Stored data entries
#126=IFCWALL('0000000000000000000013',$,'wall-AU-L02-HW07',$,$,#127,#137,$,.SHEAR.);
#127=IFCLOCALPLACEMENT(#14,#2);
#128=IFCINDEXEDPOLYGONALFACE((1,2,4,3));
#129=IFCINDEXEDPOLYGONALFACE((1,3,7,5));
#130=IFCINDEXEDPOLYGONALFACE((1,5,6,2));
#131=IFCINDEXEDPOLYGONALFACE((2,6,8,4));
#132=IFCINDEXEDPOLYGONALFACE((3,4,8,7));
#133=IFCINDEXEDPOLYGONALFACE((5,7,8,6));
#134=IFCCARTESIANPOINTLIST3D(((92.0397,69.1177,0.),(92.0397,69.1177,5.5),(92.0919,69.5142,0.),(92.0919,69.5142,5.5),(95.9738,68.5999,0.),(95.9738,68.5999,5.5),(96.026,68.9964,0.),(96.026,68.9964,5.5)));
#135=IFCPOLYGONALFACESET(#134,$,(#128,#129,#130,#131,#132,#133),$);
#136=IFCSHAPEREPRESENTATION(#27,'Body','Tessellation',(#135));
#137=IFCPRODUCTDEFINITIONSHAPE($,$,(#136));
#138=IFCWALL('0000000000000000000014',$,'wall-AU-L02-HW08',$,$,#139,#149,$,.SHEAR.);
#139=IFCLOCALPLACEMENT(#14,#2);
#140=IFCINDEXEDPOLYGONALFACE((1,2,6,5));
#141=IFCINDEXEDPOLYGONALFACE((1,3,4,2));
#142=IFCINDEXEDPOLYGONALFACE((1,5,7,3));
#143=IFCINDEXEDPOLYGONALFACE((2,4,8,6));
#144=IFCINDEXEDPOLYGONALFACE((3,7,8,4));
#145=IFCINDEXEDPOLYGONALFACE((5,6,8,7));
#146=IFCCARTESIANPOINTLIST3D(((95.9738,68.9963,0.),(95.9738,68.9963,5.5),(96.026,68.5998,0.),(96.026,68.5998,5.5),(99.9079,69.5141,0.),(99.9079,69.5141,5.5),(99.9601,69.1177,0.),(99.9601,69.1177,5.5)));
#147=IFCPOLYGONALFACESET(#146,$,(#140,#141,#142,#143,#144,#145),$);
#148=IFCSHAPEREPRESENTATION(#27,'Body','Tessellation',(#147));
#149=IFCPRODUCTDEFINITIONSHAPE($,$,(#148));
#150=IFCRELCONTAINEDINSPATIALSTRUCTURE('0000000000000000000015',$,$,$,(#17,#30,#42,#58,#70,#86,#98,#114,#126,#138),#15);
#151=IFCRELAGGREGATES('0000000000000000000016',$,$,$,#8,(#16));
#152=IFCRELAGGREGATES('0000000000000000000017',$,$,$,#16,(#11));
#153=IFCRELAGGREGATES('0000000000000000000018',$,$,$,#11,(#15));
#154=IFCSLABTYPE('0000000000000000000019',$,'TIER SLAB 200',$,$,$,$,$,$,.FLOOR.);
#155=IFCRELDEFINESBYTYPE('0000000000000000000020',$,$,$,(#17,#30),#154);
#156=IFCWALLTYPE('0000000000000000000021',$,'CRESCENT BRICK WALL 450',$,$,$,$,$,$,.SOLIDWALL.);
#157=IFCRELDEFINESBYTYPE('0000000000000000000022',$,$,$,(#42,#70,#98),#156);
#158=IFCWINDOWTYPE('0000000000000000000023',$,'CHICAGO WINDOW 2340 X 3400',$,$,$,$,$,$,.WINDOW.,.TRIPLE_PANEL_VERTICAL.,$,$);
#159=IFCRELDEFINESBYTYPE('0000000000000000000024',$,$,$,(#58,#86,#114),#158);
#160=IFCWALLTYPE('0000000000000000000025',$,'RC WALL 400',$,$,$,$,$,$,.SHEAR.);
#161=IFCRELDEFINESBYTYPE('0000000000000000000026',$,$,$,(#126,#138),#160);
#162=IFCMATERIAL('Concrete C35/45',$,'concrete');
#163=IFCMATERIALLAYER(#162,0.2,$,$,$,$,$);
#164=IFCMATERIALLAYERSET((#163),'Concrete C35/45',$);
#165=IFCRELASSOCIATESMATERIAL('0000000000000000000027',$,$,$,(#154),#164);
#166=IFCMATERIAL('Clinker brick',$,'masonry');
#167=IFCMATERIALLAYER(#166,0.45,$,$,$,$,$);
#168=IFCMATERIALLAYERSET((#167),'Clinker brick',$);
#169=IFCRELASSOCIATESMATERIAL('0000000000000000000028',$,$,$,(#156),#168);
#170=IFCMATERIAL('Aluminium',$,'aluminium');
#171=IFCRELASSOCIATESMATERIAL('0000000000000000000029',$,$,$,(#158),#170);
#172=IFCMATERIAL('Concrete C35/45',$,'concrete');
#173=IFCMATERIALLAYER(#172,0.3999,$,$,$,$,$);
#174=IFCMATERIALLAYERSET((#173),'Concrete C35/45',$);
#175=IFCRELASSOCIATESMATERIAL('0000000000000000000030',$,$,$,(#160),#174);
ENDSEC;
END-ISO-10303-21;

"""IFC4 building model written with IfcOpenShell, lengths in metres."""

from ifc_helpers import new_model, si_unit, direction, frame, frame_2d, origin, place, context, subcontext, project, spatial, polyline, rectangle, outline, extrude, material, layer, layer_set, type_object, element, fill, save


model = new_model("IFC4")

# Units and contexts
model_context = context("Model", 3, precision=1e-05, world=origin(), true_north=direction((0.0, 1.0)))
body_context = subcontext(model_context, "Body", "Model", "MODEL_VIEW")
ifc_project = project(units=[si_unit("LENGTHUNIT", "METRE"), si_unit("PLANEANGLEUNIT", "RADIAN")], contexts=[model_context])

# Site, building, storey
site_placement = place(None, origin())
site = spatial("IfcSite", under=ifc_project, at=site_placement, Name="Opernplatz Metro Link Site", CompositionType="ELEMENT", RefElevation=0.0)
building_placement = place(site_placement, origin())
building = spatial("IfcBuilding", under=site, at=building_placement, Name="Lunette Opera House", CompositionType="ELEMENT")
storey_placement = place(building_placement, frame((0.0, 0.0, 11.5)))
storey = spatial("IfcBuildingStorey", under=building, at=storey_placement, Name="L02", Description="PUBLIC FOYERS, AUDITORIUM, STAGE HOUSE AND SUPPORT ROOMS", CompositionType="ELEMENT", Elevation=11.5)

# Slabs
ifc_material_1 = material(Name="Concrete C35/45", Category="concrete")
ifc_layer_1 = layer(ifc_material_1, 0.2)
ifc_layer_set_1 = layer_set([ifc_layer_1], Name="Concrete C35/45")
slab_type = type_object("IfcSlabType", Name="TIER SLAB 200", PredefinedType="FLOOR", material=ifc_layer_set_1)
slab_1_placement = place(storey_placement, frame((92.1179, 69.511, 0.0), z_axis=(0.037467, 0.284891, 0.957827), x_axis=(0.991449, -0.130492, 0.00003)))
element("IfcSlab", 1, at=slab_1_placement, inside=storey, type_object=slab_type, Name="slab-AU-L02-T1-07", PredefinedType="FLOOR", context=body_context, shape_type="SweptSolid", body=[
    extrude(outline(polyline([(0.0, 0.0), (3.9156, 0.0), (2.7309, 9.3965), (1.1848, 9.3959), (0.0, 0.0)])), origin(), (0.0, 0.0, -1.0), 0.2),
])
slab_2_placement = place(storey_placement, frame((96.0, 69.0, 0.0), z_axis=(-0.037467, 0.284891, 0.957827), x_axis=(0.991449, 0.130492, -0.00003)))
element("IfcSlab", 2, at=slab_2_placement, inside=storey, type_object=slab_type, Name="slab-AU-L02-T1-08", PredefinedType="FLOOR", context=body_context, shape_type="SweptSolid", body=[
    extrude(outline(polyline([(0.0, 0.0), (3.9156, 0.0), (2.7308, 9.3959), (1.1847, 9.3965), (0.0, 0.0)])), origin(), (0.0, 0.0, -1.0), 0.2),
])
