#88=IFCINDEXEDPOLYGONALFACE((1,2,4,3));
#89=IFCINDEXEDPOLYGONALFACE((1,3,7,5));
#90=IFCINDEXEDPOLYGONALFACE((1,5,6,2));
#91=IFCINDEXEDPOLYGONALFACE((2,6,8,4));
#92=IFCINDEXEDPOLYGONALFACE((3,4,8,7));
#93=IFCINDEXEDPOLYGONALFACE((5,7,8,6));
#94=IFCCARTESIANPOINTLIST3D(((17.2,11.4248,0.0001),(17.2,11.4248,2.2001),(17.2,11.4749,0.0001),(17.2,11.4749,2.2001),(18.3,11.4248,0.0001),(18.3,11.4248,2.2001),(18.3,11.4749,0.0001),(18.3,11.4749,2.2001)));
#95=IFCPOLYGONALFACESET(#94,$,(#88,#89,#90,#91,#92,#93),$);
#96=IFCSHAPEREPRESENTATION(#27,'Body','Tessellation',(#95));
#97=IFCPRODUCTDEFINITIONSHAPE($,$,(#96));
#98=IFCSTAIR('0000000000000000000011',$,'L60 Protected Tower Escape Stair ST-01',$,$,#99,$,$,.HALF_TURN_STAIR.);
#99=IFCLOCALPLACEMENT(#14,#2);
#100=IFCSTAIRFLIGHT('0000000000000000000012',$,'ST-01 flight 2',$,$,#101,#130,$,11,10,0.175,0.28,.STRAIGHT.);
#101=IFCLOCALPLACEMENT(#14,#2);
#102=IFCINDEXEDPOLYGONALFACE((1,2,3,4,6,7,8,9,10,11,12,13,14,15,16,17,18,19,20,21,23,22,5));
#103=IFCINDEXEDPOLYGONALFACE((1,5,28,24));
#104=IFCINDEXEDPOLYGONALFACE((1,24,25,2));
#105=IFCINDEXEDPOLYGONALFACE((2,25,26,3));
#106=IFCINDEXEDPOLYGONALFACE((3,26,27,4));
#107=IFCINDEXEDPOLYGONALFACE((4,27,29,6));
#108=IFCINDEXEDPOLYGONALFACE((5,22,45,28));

**Goal of the exercise**. Reproduce exactly the lines from the beginning of the entries above up to and including the line that contains "#133=IFCINDEXEDPOLYGONALFACE((5,7,8,6));".

**Answer below**.
#126=IFCWALL('0000000000000000000013',$,'wall-AU-L02-HW07',$,$,#127,#137,$,.SHEAR.);
#127=IFCLOCALPLACEMENT(#14,#2);
#128=IFCINDEXEDPOLYGONALFACE((1,2,4,3));
#129=IFCINDEXEDPOLYGONALFACE((1,3,7,5));
#130=IFCINDEXEDPOLYGONALFACE((1,5,6,2));
#131=IFCINDEXEDPOLYGONALFACE((2,6,8,4));
#132=IFCINDEXEDPOLYGONALFACE((3,4,8,7));
#133=IFCINDEXEDPOLYGONALFACE((5,7,8,6));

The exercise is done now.